[EXERCISE DIRECTIONS]
Line by line, reproduce exactly the beginning of the listing below, ending with the line that contains "#116=IFCINDEXEDPOLYGONALFACE((1,2,4,3));" and adding nothing.

[Opening RECORDED DATA section]

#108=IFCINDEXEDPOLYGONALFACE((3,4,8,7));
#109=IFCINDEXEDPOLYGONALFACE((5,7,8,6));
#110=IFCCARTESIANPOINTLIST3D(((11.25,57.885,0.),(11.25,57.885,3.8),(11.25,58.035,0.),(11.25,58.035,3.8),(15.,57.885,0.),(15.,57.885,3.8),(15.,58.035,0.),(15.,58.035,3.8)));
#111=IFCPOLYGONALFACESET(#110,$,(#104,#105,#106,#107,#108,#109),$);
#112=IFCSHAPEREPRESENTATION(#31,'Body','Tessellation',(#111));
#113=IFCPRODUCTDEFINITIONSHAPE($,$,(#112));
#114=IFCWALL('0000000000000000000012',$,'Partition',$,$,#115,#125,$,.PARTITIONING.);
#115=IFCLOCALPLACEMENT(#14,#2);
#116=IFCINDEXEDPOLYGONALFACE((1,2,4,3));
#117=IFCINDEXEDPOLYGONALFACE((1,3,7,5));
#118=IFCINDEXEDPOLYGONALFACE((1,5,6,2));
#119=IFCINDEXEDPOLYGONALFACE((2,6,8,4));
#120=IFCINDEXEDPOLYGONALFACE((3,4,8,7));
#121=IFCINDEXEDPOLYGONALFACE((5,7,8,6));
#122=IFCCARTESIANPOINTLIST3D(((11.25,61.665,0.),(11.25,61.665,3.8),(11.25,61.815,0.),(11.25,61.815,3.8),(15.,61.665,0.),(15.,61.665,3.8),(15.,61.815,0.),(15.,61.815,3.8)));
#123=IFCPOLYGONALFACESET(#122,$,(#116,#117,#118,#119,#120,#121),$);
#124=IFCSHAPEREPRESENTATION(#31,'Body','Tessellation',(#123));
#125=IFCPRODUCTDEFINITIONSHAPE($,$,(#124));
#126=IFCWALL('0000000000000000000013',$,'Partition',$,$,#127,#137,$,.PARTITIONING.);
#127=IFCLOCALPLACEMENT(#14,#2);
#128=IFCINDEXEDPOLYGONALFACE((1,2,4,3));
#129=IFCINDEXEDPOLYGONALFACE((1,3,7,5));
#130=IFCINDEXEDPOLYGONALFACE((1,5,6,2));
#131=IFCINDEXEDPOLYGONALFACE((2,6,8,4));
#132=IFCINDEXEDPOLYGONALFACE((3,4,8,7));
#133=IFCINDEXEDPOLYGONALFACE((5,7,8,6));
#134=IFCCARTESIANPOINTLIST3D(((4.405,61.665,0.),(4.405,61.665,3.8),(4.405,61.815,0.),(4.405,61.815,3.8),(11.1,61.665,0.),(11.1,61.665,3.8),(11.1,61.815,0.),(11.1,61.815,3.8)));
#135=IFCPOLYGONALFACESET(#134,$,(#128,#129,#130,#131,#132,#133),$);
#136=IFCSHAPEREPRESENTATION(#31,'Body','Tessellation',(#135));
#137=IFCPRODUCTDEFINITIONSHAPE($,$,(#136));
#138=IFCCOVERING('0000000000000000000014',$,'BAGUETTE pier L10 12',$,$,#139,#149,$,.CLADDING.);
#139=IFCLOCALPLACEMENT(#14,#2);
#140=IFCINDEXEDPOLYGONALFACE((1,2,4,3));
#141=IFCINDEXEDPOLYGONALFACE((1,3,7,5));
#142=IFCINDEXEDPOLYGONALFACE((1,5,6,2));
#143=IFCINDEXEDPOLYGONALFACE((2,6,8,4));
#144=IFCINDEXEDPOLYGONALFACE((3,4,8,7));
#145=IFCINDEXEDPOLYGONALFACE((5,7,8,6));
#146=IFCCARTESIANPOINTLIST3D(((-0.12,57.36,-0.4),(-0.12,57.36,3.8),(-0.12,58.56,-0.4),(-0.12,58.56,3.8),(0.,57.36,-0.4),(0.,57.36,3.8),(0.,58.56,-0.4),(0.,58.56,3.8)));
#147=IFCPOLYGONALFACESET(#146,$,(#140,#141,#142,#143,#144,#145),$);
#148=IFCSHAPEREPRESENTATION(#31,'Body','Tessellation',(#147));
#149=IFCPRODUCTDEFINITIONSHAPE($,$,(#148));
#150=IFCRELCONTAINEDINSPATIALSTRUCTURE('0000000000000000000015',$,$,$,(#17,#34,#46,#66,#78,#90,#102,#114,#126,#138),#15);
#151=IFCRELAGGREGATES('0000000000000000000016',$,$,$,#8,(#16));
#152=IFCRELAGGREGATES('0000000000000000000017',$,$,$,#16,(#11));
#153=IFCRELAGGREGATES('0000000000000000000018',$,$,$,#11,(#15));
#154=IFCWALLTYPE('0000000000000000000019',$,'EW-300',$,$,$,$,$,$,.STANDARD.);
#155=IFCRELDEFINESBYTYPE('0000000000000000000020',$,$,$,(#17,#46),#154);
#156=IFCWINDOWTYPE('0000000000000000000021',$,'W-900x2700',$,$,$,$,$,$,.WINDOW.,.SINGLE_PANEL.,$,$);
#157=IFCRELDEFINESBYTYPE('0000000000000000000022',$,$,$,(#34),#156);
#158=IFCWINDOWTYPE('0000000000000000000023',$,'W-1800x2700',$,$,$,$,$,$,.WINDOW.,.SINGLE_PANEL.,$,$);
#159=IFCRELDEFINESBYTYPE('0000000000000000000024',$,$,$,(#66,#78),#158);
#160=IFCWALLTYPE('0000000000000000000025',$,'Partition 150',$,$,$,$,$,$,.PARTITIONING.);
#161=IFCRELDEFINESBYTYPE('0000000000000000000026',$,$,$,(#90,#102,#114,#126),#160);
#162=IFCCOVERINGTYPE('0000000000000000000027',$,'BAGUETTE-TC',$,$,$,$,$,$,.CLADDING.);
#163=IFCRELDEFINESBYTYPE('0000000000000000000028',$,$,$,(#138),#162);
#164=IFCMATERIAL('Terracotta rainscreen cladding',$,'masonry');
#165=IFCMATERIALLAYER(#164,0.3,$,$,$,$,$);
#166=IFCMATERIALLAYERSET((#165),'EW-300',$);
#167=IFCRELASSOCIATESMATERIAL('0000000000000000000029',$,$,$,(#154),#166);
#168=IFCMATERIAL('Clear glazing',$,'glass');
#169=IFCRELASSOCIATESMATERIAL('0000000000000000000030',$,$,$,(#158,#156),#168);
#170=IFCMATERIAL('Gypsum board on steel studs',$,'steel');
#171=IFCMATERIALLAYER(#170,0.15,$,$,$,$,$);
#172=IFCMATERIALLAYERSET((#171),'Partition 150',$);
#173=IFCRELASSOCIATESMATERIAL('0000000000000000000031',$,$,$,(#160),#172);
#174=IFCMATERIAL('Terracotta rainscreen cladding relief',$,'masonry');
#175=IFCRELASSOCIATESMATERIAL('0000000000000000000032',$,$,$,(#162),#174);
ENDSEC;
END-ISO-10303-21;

[Closing RECORDED DATA section]

[RESPONSE]
#108=IFCINDEXEDPOLYGONALFACE((3,4,8,7));
#109=IFCINDEXEDPOLYGONALFACE((5,7,8,6));
#110=IFCCARTESIANPOINTLIST3D(((11.25,57.885,0.),(11.25,57.885,3.8),(11.25,58.035,0.),(11.25,58.035,3.8),(15.,57.885,0.),(15.,57.885,3.8),(15.,58.035,0.),(15.,58.035,3.8)));
#111=IFCPOLYGONALFACESET(#110,$,(#104,#105,#106,#107,#108,#109),$);
#112=IFCSHAPEREPRESENTATION(#31,'Body','Tessellation',(#111));
#113=IFCPRODUCTDEFINITIONSHAPE($,$,(#112));
#114=IFCWALL('0000000000000000000012',$,'Partition',$,$,#115,#125,$,.PARTITIONING.);
#115=IFCLOCALPLACEMENT(#14,#2);
#116=IFCINDEXEDPOLYGONALFACE((1,2,4,3));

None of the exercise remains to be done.